SOURCE INFORMATION below:
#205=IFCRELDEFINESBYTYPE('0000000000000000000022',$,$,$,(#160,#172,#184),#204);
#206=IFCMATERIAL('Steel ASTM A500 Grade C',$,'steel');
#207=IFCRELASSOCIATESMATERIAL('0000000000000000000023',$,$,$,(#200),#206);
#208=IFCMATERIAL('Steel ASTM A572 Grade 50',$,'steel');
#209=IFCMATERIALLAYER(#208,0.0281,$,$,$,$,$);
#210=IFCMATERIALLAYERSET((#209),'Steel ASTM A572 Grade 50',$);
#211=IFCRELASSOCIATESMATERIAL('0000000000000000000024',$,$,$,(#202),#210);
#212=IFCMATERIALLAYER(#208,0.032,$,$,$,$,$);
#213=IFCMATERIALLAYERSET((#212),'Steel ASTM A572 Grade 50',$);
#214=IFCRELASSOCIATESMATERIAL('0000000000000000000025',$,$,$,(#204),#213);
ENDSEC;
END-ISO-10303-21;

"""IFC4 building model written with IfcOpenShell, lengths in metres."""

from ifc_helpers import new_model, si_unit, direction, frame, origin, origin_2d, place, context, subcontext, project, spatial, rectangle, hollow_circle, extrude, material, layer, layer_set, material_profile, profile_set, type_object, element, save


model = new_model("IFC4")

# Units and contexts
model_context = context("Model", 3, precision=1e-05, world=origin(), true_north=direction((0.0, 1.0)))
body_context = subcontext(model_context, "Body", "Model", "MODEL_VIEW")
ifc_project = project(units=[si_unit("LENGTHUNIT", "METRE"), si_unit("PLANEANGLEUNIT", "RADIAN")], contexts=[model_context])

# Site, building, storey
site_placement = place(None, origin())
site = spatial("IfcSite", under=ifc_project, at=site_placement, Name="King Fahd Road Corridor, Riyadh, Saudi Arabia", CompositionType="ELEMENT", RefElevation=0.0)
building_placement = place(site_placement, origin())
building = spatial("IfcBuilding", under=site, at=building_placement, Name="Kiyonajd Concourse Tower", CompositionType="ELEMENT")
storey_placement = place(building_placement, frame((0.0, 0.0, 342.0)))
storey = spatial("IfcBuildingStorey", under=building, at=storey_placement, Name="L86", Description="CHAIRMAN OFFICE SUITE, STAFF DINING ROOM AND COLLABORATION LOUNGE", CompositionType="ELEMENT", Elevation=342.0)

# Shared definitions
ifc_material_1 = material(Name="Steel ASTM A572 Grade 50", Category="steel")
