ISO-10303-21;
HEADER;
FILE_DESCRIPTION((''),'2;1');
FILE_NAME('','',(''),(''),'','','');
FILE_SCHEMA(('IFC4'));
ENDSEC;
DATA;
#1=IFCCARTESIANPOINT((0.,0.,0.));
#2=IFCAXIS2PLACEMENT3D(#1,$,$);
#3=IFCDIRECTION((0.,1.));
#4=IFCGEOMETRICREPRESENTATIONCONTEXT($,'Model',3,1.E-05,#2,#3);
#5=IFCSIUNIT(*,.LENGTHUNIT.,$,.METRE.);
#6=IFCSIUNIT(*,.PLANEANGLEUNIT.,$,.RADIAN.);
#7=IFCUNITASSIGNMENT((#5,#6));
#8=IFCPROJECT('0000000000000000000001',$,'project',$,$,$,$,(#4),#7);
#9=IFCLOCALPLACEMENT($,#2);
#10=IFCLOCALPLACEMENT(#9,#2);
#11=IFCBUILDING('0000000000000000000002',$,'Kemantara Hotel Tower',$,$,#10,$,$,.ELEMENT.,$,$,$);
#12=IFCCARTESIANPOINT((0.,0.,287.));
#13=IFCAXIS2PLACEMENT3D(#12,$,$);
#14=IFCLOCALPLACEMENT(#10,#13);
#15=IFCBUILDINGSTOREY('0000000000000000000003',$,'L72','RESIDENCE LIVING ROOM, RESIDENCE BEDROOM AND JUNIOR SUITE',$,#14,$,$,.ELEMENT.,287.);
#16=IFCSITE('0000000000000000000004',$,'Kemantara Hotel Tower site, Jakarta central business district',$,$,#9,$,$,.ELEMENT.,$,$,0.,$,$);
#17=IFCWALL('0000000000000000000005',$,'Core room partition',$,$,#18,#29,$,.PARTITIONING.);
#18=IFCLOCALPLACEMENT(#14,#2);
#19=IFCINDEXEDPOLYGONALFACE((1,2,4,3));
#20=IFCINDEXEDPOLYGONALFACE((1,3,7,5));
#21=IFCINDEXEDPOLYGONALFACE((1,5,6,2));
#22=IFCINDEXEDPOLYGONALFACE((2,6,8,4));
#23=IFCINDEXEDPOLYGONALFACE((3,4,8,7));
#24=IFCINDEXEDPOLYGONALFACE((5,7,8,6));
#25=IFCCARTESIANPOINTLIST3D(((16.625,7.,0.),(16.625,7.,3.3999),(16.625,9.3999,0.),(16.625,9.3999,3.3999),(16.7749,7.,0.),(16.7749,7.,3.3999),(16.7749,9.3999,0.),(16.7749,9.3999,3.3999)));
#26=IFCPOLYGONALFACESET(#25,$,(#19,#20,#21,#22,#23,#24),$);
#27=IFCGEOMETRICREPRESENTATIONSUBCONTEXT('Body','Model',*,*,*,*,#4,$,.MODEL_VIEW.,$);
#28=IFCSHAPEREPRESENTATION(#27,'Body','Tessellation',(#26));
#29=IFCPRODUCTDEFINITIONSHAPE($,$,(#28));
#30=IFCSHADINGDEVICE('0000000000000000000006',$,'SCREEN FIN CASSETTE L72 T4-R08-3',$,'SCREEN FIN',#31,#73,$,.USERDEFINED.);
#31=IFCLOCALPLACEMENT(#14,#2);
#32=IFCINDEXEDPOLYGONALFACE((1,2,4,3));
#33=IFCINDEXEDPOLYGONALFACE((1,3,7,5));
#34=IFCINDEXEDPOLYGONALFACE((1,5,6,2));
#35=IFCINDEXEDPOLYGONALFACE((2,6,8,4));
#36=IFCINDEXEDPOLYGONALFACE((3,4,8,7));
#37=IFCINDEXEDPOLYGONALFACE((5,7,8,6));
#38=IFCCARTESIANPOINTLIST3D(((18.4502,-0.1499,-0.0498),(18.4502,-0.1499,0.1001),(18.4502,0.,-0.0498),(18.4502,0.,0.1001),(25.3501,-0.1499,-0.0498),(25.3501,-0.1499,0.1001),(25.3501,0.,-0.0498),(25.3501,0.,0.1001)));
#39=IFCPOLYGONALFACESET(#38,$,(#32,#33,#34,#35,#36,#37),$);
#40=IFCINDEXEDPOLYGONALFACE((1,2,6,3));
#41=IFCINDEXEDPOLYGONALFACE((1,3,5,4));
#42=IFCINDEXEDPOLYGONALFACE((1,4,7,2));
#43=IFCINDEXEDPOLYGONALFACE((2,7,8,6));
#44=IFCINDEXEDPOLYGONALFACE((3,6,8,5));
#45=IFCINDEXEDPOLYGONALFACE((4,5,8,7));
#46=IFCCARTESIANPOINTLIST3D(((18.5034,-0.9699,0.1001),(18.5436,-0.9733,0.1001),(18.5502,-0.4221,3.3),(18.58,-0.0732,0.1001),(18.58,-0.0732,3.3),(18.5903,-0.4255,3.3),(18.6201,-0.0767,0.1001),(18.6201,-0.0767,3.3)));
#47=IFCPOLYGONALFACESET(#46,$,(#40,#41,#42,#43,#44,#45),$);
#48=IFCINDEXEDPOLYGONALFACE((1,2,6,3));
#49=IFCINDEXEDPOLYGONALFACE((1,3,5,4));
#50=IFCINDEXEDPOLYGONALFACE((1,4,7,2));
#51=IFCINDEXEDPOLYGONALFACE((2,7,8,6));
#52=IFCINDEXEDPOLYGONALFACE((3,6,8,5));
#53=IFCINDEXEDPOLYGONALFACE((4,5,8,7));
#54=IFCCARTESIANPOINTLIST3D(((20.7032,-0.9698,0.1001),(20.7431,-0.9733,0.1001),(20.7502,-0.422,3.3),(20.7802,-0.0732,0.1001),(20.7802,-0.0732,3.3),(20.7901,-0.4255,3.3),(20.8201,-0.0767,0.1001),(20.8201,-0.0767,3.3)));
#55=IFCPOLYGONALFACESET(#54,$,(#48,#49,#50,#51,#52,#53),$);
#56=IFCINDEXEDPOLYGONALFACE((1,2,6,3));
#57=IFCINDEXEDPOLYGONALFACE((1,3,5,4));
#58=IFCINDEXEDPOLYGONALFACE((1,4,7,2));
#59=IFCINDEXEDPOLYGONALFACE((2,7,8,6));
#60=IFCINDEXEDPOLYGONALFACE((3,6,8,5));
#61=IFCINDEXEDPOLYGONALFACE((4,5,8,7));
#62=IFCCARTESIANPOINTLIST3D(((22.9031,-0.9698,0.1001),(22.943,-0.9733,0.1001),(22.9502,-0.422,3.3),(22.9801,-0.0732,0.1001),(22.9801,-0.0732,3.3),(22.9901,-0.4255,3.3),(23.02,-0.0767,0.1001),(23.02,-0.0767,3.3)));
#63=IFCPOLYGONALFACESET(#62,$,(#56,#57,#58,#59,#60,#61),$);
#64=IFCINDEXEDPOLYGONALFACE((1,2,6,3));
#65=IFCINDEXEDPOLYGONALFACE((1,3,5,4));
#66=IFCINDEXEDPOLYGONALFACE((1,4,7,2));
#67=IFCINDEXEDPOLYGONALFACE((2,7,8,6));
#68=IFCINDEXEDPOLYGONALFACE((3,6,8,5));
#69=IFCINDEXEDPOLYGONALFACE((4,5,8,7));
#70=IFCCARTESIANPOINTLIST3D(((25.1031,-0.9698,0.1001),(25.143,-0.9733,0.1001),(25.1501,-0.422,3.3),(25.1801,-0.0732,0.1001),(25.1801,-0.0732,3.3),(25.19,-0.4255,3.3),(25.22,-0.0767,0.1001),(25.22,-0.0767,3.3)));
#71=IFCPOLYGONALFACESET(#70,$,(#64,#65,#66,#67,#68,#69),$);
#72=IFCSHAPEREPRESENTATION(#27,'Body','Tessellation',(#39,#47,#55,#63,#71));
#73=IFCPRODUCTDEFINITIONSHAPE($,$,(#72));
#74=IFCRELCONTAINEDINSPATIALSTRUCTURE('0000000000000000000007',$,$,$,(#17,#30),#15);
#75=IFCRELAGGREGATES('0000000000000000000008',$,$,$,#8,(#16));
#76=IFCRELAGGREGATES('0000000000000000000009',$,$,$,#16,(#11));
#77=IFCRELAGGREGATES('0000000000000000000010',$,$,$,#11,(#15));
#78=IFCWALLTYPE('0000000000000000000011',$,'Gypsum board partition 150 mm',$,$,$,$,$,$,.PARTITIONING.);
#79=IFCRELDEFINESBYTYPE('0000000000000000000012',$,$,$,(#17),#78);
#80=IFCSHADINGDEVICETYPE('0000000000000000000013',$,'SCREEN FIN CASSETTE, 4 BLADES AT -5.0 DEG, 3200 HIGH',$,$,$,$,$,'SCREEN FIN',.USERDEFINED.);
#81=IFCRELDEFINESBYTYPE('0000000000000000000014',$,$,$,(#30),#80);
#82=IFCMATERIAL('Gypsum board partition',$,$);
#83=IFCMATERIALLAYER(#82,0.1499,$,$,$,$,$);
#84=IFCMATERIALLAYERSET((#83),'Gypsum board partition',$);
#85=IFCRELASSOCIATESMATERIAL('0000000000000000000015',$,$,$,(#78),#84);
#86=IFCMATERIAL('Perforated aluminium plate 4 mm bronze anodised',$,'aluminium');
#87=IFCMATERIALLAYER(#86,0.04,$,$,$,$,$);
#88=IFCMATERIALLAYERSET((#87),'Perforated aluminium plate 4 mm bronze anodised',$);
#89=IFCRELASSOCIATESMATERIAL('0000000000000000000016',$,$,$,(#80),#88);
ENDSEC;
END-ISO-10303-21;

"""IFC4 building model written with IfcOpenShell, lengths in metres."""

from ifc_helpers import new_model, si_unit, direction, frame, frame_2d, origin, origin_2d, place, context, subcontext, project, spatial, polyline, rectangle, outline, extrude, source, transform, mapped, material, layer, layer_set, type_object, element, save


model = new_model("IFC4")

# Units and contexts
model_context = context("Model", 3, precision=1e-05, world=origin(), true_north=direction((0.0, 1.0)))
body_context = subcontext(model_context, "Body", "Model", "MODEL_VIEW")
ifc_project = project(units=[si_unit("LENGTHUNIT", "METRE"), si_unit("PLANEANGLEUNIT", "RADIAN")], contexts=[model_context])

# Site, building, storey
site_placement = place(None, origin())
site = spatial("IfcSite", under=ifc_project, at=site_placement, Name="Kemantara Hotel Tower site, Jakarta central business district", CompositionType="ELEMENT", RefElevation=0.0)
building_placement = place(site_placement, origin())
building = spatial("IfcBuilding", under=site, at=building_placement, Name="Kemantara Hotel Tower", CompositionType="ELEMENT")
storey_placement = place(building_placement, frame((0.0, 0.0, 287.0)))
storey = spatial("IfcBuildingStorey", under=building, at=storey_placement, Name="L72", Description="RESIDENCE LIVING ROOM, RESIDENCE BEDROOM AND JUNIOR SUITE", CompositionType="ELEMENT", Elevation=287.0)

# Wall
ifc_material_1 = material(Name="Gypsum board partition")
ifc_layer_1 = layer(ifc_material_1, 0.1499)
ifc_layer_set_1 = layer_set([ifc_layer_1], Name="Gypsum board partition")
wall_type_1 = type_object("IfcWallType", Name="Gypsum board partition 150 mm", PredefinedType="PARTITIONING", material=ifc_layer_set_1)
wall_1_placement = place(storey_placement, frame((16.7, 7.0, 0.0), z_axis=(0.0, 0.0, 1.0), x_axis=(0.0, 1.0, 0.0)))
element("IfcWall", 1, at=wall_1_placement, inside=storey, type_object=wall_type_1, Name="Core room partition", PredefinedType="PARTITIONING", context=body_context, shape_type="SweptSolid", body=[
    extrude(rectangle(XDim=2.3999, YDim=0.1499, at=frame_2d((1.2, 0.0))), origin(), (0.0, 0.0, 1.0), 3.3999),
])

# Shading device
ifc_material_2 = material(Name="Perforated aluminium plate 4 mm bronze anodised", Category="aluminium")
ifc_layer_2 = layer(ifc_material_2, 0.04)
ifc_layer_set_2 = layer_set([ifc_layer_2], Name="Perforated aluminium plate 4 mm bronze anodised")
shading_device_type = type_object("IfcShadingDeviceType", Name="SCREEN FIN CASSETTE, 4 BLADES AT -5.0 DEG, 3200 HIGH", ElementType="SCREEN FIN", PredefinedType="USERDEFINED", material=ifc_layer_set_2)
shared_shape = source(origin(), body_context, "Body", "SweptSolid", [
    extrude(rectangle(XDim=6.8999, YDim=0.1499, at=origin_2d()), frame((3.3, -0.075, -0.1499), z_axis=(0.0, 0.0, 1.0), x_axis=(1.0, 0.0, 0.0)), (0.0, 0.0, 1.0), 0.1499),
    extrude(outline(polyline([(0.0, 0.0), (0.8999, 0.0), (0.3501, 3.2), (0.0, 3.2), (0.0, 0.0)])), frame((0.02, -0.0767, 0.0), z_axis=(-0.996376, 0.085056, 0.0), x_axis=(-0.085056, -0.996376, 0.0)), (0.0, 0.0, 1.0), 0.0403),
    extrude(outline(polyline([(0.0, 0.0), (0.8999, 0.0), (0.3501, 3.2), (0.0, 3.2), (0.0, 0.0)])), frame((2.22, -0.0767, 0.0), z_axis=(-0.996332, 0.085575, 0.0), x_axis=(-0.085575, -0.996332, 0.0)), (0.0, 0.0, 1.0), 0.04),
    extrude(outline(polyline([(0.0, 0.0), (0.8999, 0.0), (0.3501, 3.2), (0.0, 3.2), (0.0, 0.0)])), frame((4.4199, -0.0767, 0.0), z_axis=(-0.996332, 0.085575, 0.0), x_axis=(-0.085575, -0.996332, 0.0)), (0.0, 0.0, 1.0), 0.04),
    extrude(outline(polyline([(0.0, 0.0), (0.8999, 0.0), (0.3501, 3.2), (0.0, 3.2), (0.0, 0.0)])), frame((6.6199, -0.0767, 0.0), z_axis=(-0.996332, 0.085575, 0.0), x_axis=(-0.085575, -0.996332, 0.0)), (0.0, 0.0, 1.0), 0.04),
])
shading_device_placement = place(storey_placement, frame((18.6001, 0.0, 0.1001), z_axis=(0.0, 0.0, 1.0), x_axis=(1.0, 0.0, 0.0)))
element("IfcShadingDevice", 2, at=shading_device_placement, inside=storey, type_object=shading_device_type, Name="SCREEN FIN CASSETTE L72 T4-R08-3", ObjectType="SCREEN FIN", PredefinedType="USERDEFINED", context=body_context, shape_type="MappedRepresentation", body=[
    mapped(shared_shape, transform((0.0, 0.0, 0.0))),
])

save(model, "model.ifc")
End of SOURCE INFORMATION.
WHAT IS EXPECTED: Look for the word "IFCSHAPEREPRESENTATION" in the listing above and state how many lines have it; give the number and nothing else.

RESPONSE: 2